**What you have to do**
Return, exactly and in full, the lines of the records below starting at the one with "#168=IFCSHAPEREPRESENTATION(#27,'Body','Tessellation',(#167));" and ending at the one with "#174=IFCRELAGGREGATES('0000000000000000000019',$,$,$,#11,(#15));", and no other lines.

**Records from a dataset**
=====

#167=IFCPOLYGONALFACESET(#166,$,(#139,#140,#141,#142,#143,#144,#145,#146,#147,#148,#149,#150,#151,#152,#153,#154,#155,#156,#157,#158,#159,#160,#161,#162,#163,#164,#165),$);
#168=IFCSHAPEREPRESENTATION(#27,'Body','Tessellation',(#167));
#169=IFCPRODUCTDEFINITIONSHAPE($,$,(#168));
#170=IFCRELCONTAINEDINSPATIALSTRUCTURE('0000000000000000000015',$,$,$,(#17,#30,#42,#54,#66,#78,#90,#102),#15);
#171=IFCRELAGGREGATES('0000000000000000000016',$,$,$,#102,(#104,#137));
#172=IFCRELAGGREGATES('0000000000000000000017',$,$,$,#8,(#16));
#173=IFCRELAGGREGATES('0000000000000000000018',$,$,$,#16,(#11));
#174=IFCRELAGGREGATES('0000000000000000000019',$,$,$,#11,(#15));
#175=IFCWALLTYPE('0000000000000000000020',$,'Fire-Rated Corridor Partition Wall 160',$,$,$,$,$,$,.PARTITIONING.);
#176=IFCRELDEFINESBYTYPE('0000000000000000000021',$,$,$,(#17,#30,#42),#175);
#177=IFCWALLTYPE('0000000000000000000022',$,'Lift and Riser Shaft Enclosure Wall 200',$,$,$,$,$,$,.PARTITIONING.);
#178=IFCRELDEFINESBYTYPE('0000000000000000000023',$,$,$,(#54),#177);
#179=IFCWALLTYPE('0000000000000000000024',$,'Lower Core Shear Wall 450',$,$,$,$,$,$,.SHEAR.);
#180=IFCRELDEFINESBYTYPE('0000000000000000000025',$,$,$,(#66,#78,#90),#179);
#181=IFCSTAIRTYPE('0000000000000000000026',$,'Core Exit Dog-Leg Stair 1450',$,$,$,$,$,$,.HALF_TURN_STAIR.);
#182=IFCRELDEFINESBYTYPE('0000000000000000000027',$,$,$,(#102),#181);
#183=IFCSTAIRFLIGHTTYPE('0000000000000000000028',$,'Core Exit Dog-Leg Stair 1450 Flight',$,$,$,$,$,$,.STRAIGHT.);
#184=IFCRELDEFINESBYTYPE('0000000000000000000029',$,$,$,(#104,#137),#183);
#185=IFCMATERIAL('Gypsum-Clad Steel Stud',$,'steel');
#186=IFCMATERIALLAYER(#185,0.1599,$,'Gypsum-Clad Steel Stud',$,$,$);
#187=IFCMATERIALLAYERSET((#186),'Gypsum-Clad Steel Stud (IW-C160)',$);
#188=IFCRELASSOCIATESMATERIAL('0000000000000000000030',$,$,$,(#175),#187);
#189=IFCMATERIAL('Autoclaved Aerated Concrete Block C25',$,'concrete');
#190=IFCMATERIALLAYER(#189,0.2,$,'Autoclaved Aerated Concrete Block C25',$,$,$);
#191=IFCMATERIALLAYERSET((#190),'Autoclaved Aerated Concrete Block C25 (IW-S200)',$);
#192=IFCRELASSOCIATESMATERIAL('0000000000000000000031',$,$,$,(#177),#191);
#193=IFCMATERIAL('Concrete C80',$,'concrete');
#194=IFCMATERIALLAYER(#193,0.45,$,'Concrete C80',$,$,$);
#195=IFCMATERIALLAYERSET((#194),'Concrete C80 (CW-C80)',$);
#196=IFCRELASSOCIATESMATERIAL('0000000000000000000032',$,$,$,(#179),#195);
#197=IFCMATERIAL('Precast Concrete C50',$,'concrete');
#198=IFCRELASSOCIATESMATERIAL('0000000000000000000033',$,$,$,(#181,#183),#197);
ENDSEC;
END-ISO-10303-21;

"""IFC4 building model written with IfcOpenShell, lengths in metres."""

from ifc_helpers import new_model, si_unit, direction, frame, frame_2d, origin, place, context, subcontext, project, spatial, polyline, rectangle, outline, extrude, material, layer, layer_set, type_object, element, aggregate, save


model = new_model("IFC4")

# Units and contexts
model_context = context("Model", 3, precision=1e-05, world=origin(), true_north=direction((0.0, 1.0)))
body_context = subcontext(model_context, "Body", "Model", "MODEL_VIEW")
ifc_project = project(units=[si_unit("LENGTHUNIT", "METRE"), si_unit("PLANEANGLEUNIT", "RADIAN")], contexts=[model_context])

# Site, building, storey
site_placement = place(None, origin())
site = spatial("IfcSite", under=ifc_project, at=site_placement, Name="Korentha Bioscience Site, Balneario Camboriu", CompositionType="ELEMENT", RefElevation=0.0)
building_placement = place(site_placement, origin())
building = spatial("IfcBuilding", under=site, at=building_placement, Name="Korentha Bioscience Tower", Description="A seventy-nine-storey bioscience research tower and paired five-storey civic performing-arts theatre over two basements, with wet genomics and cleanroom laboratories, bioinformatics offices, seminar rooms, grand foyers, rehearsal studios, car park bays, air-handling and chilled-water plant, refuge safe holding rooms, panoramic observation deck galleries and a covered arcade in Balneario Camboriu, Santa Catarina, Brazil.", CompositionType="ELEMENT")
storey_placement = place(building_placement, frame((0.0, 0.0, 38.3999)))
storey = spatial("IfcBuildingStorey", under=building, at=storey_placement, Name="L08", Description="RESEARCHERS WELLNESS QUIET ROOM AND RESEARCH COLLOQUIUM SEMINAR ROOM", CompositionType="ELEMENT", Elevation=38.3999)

=====

**Exercise answer**
#168=IFCSHAPEREPRESENTATION(#27,'Body','Tessellation',(#167));
#169=IFCPRODUCTDEFINITIONSHAPE($,$,(#168));
#170=IFCRELCONTAINEDINSPATIALSTRUCTURE('0000000000000000000015',$,$,$,(#17,#30,#42,#54,#66,#78,#90,#102),#15);
#171=IFCRELAGGREGATES('0000000000000000000016',$,$,$,#102,(#104,#137));
#172=IFCRELAGGREGATES('0000000000000000000017',$,$,$,#8,(#16));
#173=IFCRELAGGREGATES('0000000000000000000018',$,$,$,#16,(#11));
#174=IFCRELAGGREGATES('0000000000000000000019',$,$,$,#11,(#15));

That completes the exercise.